WHAT IS EXPECTED:
In the entries below, find the line with "#168=IFCDOORTYPE('0000000000000000000024',$,'Room door FD30" and print exactly every line from there up to and including the line with "#176=IFCMATERIAL('Steel door leaf',$,'steel');", with no other lines.

RAW DATA:
:::
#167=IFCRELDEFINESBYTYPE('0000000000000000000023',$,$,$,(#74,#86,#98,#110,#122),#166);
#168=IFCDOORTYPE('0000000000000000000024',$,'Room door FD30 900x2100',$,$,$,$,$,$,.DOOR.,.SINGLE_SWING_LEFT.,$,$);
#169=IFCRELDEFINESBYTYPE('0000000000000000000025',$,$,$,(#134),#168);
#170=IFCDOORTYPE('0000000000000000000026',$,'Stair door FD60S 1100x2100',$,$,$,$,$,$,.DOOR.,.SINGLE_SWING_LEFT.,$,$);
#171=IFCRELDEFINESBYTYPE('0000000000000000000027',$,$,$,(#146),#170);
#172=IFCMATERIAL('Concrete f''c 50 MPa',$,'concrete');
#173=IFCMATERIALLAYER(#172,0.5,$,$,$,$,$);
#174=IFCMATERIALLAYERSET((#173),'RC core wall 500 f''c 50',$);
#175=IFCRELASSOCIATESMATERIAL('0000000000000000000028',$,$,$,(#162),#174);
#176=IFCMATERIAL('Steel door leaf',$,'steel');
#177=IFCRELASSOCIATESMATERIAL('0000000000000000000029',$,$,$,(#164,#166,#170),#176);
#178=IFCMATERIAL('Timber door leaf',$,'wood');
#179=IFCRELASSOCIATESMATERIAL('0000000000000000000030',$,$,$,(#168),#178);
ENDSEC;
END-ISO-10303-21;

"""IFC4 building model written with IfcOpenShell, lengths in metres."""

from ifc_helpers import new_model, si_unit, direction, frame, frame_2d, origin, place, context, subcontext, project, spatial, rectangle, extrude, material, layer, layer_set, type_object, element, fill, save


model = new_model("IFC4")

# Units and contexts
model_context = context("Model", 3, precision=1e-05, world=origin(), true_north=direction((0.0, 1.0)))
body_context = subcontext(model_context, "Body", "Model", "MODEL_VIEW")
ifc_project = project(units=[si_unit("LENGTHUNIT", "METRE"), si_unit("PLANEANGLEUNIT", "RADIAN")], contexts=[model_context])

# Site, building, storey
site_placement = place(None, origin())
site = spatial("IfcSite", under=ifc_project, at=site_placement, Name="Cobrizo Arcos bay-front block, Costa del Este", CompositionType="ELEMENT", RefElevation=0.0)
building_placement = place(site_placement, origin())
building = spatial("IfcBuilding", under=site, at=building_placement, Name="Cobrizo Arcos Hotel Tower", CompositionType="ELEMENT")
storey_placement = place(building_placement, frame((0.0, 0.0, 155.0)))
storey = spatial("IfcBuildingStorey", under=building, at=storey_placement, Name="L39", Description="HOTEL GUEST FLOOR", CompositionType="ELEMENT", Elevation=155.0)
:::
WORKED SOLUTION:
#168=IFCDOORTYPE('0000000000000000000024',$,'Room door FD30 900x2100',$,$,$,$,$,$,.DOOR.,.SINGLE_SWING_LEFT.,$,$);
#169=IFCRELDEFINESBYTYPE('0000000000000000000025',$,$,$,(#134),#168);
#170=IFCDOORTYPE('0000000000000000000026',$,'Stair door FD60S 1100x2100',$,$,$,$,$,$,.DOOR.,.SINGLE_SWING_LEFT.,$,$);
#171=IFCRELDEFINESBYTYPE('0000000000000000000027',$,$,$,(#146),#170);
#172=IFCMATERIAL('Concrete f''c 50 MPa',$,'concrete');
#173=IFCMATERIALLAYER(#172,0.5,$,$,$,$,$);
#174=IFCMATERIALLAYERSET((#173),'RC core wall 500 f''c 50',$);
#175=IFCRELASSOCIATESMATERIAL('0000000000000000000028',$,$,$,(#162),#174);
#176=IFCMATERIAL('Steel door leaf',$,'steel');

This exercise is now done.